### WORK ORDER
Work through the data below and copy out every line where "IFCSHAPEREPRESENTATION" is found.

Items from a dataset:
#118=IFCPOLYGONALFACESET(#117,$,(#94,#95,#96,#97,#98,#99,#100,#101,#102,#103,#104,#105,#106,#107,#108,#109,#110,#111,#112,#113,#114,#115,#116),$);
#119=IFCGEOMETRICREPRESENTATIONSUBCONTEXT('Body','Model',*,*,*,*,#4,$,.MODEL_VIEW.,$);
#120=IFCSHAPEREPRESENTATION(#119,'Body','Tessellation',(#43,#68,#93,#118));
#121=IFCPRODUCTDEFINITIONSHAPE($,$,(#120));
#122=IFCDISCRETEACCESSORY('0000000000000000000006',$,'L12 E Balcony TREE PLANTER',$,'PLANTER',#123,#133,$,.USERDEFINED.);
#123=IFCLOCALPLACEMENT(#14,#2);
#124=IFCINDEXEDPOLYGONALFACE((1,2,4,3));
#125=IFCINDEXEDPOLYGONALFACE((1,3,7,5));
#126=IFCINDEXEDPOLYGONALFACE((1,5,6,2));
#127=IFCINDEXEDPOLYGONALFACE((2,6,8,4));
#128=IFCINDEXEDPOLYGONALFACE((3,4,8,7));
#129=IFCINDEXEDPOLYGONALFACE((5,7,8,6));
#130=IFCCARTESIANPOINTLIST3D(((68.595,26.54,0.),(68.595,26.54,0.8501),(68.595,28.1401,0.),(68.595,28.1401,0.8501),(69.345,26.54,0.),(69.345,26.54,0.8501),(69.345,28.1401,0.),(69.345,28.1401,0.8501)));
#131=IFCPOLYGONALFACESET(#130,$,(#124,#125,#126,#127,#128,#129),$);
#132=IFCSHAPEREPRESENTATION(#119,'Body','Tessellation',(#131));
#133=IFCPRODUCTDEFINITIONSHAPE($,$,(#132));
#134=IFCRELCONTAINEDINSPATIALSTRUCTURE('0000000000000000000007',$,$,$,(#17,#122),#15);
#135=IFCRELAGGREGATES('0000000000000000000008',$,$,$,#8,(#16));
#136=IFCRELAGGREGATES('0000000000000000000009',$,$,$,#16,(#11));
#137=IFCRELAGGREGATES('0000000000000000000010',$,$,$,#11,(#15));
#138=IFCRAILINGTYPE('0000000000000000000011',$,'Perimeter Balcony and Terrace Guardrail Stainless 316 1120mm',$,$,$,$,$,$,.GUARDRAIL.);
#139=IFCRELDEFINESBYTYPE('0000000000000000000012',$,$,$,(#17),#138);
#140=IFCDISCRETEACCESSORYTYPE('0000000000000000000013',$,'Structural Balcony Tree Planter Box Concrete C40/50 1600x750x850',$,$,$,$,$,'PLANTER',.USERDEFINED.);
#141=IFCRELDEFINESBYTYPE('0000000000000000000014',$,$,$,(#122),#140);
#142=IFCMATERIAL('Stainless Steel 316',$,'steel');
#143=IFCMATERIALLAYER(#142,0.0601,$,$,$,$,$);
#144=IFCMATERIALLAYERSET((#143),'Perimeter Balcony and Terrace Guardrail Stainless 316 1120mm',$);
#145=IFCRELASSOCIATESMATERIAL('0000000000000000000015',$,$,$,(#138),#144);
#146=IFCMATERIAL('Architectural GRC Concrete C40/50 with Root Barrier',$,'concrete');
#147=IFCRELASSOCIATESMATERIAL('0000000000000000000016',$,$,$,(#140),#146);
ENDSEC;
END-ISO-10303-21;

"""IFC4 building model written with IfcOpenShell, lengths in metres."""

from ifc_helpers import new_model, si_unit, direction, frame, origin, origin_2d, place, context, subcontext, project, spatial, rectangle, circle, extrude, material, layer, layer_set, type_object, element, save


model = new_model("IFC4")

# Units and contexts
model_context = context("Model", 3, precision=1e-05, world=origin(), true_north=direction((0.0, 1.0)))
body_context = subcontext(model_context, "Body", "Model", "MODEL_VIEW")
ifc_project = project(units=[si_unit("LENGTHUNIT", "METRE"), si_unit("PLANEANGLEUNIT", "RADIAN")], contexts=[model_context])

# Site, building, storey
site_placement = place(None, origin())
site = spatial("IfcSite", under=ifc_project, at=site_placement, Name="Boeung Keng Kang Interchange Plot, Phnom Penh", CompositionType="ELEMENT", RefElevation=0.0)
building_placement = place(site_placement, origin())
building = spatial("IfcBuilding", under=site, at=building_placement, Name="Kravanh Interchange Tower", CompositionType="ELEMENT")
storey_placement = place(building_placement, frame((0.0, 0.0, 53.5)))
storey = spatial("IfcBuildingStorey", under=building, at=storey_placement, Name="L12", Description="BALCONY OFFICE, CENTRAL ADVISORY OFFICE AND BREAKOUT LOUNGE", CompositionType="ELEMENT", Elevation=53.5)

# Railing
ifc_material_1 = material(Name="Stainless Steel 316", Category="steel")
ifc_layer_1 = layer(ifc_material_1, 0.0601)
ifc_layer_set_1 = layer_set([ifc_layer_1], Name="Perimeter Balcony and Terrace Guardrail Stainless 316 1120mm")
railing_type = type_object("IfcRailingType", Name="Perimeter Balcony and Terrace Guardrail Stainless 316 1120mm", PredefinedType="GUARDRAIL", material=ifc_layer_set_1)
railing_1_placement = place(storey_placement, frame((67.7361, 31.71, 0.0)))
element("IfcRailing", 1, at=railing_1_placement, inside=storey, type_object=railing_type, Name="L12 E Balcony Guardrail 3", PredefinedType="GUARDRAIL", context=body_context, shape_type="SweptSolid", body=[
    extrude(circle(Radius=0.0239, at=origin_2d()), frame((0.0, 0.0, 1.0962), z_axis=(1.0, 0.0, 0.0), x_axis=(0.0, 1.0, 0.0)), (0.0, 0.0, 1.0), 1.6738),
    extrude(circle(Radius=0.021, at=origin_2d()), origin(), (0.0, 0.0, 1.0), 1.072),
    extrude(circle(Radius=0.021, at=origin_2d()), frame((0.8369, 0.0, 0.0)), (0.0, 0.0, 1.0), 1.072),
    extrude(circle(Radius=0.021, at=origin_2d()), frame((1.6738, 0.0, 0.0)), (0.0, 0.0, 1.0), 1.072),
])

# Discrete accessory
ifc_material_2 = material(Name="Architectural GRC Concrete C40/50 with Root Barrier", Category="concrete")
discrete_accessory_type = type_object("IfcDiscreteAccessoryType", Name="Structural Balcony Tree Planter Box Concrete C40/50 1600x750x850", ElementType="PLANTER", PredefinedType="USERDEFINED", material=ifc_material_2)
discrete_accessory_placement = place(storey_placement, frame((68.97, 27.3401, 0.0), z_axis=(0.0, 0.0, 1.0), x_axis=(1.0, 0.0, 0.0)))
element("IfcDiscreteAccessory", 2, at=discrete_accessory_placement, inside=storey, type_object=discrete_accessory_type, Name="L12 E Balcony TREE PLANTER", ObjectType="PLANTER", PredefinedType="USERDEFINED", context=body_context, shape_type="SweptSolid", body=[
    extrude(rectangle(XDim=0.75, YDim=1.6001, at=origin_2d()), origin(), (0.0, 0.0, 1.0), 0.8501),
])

### RESPONSE TO THIS TASK
#120=IFCSHAPEREPRESENTATION(#119,'Body','Tessellation',(#43,#68,#93,#118));
#132=IFCSHAPEREPRESENTATION(#119,'Body','Tessellation',(#131));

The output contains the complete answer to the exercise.